[[ RECORDS FOR THIS TASK open ]]

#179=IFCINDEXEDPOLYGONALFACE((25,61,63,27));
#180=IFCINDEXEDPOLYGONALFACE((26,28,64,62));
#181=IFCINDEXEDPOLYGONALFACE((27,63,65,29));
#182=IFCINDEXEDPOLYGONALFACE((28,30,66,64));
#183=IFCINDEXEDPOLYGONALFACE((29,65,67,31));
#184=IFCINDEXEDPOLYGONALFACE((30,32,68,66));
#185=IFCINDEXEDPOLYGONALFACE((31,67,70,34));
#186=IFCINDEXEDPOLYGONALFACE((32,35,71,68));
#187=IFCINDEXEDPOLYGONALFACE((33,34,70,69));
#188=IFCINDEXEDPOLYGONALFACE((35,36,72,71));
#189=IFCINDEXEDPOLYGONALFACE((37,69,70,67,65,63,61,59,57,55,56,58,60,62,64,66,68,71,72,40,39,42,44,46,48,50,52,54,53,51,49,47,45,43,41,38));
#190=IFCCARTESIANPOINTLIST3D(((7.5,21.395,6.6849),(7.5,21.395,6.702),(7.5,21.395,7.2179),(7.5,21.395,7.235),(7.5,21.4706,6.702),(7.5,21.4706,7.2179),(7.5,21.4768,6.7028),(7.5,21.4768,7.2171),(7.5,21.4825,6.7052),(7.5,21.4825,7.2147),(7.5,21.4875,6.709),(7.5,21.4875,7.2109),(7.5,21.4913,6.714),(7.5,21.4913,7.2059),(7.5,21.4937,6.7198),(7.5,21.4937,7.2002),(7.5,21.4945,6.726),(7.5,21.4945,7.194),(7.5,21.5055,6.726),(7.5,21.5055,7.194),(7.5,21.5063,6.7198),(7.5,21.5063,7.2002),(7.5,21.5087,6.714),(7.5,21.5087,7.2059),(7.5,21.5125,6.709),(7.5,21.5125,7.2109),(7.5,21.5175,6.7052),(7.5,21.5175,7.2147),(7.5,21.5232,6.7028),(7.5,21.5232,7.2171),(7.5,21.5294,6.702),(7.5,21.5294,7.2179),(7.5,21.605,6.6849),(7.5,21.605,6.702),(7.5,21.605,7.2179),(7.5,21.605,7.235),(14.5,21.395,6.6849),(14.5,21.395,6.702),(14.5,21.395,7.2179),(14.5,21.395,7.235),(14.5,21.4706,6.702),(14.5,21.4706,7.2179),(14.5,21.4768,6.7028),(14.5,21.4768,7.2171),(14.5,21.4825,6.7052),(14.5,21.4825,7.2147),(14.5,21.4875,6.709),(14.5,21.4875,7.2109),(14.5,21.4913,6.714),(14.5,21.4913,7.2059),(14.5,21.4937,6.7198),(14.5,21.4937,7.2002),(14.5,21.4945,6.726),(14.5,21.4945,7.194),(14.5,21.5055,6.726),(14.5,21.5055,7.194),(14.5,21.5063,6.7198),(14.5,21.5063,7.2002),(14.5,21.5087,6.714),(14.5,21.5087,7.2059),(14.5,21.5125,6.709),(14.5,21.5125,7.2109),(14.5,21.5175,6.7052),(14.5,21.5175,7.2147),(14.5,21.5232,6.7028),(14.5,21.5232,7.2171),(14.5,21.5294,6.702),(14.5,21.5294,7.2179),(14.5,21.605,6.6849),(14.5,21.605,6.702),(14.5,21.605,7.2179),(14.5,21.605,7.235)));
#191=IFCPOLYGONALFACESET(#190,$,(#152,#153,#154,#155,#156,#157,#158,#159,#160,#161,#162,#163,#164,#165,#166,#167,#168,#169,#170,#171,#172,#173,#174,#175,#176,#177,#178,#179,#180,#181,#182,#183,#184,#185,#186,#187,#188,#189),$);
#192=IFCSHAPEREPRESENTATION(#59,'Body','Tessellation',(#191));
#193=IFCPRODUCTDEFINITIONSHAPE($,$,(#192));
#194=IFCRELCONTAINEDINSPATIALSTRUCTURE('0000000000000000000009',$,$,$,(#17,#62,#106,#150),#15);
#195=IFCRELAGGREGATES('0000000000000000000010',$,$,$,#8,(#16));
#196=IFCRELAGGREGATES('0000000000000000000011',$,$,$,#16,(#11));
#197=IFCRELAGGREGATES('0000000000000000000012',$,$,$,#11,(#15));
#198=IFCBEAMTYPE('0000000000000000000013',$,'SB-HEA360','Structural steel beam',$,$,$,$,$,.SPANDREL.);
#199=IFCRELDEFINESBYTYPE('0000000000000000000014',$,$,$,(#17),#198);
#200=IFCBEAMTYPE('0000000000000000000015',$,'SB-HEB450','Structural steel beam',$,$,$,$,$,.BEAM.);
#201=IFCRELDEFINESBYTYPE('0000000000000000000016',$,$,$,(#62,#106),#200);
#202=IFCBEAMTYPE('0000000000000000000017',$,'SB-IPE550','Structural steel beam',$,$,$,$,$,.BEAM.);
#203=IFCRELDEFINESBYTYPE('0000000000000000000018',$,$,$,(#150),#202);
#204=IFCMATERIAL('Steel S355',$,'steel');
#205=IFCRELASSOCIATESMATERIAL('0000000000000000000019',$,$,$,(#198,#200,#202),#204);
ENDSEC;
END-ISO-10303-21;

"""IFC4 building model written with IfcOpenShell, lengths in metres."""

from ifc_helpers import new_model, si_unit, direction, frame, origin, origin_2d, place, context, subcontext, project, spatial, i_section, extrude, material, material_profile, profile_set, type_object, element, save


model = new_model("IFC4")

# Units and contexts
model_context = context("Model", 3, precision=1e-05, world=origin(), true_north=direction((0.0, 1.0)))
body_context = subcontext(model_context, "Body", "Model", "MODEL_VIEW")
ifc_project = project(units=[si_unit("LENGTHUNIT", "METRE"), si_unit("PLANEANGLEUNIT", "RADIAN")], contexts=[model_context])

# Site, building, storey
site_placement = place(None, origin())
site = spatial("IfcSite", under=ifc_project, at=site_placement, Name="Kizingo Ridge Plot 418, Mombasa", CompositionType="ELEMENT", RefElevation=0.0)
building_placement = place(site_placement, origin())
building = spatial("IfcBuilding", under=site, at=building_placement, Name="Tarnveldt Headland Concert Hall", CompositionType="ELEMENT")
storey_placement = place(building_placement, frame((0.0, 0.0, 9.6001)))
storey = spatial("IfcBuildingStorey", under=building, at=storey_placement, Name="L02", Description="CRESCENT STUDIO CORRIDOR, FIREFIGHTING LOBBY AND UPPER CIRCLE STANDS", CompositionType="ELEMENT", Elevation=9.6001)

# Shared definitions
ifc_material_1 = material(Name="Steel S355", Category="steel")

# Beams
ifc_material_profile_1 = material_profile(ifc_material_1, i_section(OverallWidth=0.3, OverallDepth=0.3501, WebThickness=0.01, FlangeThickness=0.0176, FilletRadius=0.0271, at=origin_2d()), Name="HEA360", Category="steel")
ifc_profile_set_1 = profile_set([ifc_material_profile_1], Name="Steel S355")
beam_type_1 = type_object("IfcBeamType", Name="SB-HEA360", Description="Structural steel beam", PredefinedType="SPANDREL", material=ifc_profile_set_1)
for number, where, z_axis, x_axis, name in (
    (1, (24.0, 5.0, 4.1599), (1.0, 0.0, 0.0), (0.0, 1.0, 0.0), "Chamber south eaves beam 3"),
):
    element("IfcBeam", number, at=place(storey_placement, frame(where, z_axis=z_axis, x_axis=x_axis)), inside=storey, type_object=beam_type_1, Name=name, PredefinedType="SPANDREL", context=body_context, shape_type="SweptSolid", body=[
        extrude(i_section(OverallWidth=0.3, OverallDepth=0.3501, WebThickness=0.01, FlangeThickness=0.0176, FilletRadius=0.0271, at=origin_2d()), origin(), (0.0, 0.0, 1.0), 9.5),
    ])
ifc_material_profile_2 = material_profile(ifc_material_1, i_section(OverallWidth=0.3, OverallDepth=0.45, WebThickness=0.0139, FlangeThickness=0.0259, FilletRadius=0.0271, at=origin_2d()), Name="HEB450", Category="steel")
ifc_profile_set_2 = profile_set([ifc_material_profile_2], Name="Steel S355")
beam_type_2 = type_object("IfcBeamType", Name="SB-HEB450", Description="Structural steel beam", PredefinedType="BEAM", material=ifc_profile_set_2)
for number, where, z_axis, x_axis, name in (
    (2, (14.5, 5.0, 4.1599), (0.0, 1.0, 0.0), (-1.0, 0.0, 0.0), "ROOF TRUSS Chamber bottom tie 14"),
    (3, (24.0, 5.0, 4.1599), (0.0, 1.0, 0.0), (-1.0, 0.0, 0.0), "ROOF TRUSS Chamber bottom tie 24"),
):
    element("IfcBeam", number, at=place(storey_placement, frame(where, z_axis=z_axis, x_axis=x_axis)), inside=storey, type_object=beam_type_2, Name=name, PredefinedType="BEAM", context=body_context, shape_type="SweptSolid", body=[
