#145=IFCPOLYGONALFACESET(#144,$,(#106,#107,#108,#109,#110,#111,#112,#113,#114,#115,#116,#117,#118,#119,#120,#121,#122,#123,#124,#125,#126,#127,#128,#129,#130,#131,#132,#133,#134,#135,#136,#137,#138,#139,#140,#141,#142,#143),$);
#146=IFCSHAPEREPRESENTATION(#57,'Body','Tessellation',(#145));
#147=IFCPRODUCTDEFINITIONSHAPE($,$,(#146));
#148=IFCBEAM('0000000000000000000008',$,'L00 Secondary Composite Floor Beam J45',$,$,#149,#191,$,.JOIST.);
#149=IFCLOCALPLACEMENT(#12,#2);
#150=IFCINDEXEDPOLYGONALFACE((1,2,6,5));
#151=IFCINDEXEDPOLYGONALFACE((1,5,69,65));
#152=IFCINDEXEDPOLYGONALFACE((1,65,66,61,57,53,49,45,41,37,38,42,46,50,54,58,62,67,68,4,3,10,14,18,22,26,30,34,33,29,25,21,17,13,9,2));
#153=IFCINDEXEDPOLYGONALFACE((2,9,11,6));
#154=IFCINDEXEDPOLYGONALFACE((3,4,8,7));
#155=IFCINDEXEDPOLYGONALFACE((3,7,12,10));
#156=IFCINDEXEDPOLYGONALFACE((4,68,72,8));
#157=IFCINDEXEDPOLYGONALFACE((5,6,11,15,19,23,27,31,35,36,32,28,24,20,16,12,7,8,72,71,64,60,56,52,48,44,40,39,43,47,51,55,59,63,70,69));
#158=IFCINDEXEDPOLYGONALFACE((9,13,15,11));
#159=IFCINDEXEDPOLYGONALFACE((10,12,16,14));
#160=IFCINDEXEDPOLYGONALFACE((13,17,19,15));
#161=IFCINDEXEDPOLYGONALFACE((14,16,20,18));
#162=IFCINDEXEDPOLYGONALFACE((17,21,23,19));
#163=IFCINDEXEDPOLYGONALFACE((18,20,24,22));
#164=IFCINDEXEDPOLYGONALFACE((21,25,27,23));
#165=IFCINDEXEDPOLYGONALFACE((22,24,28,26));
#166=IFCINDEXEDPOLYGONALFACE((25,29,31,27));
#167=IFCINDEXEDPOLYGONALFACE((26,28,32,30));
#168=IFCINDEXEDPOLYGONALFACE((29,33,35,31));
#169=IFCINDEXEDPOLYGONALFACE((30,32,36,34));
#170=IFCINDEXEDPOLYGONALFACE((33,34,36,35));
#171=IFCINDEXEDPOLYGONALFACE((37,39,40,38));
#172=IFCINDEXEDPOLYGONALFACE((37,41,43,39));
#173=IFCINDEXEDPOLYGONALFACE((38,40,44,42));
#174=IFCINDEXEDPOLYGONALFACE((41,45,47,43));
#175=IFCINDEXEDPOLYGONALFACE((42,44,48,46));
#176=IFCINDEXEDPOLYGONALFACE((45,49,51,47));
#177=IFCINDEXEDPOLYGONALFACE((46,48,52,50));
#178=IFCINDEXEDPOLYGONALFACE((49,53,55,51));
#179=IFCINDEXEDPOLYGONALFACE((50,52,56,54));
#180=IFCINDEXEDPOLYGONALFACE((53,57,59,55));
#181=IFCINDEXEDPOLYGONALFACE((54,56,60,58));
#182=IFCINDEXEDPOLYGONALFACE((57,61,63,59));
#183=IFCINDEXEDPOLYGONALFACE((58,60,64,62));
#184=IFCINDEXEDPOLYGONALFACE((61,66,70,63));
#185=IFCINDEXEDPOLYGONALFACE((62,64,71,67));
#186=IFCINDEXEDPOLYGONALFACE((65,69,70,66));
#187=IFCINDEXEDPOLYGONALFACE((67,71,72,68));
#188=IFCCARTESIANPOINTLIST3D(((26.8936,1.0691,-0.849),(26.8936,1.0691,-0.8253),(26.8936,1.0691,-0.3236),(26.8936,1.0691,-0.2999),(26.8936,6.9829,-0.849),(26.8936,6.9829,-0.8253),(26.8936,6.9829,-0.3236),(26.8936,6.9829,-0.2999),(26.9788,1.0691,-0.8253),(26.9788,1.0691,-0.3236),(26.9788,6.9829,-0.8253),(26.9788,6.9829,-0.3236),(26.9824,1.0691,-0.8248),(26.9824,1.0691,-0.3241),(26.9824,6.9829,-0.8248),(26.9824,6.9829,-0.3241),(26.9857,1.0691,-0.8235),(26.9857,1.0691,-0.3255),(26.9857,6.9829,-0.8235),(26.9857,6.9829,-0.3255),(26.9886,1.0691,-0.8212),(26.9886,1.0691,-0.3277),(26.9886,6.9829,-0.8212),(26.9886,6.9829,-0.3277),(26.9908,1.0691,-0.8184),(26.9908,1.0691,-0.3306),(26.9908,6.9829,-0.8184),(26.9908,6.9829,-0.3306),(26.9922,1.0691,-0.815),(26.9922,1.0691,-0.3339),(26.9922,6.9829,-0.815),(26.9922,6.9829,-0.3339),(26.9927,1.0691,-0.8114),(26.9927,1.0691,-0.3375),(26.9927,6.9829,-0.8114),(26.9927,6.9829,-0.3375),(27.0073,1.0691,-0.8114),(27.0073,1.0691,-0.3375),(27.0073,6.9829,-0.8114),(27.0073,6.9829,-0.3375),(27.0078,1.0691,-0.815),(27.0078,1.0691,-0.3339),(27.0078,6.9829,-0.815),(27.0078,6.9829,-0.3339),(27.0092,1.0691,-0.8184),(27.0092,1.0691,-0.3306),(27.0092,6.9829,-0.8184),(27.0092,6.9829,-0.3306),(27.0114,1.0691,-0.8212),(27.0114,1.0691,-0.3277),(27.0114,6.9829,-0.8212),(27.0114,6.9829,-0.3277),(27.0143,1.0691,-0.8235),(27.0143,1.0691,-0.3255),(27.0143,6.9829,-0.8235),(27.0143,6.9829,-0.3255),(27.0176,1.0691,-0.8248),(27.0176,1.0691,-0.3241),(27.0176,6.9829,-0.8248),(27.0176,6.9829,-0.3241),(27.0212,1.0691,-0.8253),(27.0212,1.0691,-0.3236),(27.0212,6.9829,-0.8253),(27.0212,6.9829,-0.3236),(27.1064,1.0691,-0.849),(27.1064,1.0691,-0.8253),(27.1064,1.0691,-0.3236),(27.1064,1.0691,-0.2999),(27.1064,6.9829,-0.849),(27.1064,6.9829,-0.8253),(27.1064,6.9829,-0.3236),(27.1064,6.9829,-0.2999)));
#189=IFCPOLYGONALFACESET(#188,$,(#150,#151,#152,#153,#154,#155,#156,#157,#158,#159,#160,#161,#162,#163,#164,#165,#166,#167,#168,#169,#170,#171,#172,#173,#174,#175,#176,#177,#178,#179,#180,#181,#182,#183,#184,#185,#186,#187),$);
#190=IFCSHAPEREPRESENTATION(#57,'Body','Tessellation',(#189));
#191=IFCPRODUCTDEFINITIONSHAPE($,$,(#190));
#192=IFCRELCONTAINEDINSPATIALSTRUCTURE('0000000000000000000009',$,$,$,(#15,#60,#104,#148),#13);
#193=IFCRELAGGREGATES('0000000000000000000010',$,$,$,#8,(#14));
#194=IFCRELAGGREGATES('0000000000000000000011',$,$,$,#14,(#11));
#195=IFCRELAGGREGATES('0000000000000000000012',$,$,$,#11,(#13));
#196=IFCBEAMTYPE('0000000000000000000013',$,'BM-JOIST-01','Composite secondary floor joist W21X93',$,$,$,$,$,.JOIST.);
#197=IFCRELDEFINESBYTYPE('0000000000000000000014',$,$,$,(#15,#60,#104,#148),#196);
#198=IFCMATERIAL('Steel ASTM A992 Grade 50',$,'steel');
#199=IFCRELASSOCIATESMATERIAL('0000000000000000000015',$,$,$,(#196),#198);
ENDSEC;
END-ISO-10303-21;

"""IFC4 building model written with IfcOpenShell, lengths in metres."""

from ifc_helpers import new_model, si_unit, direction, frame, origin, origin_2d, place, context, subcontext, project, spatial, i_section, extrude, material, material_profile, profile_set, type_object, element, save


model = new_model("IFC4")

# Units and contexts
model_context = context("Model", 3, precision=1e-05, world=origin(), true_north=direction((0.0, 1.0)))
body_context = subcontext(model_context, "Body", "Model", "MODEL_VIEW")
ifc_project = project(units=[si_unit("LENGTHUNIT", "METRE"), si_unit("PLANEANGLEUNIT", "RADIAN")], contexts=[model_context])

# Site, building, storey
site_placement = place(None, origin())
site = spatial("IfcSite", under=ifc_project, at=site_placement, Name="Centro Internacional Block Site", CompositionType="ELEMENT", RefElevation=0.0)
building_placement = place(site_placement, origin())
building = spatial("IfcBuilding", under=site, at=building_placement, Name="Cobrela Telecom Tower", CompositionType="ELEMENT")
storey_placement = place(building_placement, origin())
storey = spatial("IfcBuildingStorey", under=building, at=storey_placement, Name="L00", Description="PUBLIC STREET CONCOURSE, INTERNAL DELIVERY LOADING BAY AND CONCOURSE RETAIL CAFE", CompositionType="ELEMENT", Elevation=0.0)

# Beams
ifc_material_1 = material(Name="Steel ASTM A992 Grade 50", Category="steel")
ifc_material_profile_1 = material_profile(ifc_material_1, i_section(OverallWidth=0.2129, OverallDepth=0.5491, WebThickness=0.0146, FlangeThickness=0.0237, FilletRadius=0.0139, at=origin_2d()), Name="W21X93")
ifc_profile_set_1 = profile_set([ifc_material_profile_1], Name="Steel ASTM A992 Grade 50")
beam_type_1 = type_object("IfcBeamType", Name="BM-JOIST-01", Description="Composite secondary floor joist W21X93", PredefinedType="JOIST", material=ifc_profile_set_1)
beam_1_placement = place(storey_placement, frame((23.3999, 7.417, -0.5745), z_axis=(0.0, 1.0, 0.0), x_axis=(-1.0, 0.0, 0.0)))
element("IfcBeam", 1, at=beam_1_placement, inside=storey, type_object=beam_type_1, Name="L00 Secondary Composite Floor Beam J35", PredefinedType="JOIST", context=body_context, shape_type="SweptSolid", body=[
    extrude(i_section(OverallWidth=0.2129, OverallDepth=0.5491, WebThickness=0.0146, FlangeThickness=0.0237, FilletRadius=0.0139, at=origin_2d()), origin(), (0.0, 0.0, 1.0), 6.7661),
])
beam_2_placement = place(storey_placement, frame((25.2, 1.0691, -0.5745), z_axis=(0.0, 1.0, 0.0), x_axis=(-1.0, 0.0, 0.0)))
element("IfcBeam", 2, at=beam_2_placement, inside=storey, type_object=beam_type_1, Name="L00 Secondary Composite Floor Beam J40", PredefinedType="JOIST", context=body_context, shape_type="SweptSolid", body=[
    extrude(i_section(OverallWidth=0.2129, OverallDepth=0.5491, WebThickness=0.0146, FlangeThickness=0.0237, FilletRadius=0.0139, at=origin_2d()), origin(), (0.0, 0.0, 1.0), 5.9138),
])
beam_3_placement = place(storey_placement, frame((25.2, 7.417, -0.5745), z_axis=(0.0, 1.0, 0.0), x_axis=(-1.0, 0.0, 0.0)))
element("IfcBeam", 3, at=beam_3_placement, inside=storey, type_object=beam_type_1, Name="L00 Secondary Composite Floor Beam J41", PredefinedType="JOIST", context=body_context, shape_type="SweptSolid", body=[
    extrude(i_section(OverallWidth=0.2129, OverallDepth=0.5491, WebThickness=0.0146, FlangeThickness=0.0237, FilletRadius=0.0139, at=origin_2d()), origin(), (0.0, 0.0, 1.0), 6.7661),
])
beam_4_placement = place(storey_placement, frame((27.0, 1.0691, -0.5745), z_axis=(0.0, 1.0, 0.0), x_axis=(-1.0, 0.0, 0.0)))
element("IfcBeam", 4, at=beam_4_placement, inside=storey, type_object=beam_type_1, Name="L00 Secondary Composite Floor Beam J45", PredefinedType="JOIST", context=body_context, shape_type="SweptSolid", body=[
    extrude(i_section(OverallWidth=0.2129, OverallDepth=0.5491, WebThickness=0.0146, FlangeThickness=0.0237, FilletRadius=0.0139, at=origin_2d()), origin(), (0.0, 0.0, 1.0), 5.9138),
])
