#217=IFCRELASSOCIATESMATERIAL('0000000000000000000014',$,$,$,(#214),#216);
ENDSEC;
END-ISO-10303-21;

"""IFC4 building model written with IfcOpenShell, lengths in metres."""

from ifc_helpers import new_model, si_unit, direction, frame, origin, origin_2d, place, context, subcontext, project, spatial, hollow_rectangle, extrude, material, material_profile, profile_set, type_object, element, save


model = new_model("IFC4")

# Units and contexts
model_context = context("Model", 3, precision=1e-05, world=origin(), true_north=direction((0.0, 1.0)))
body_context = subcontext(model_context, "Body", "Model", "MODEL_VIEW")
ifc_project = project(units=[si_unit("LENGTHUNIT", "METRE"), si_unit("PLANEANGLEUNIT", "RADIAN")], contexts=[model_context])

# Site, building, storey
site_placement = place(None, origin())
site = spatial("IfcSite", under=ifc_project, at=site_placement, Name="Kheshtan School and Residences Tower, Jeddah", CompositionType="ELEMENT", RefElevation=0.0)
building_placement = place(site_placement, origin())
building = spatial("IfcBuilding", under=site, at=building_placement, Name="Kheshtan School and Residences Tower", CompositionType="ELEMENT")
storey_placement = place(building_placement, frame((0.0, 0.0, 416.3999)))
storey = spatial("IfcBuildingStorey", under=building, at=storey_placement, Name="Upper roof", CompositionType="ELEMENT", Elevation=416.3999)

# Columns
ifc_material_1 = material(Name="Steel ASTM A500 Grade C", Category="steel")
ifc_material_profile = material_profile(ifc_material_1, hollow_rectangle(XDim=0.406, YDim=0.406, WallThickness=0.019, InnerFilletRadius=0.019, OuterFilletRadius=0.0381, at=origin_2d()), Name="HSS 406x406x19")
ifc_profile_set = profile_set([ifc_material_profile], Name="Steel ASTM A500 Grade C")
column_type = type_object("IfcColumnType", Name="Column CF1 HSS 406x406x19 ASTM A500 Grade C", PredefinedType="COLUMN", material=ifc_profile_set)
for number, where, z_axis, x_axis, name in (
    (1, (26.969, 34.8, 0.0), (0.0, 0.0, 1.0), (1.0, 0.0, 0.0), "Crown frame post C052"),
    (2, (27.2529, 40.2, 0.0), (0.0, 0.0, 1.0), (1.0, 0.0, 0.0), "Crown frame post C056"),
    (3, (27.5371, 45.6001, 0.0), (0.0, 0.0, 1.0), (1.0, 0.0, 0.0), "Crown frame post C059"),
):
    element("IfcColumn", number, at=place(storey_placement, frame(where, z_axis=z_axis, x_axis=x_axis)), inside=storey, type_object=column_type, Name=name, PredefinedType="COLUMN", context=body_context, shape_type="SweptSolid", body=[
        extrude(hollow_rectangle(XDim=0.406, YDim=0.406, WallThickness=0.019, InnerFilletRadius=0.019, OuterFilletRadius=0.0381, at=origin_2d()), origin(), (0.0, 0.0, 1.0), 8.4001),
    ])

[[ RECORDS FOR THIS TASK closed ]]

YOUR OBJECTIVE
What is needed is an exact copy of the lines above, from the one containing "#181=IFCINDEXEDPOLYGONALFACE((27,63,65,29));" through the one containing "#188=IFCINDEXEDPOLYGONALFACE((35,36,72,71));", with nothing added.

OUTPUT OF THE EXERCISE
#181=IFCINDEXEDPOLYGONALFACE((27,63,65,29));
#182=IFCINDEXEDPOLYGONALFACE((28,30,66,64));
#183=IFCINDEXEDPOLYGONALFACE((29,65,67,31));
#184=IFCINDEXEDPOLYGONALFACE((30,32,68,66));
#185=IFCINDEXEDPOLYGONALFACE((31,67,70,34));
#186=IFCINDEXEDPOLYGONALFACE((32,35,71,68));
#187=IFCINDEXEDPOLYGONALFACE((33,34,70,69));
#188=IFCINDEXEDPOLYGONALFACE((35,36,72,71));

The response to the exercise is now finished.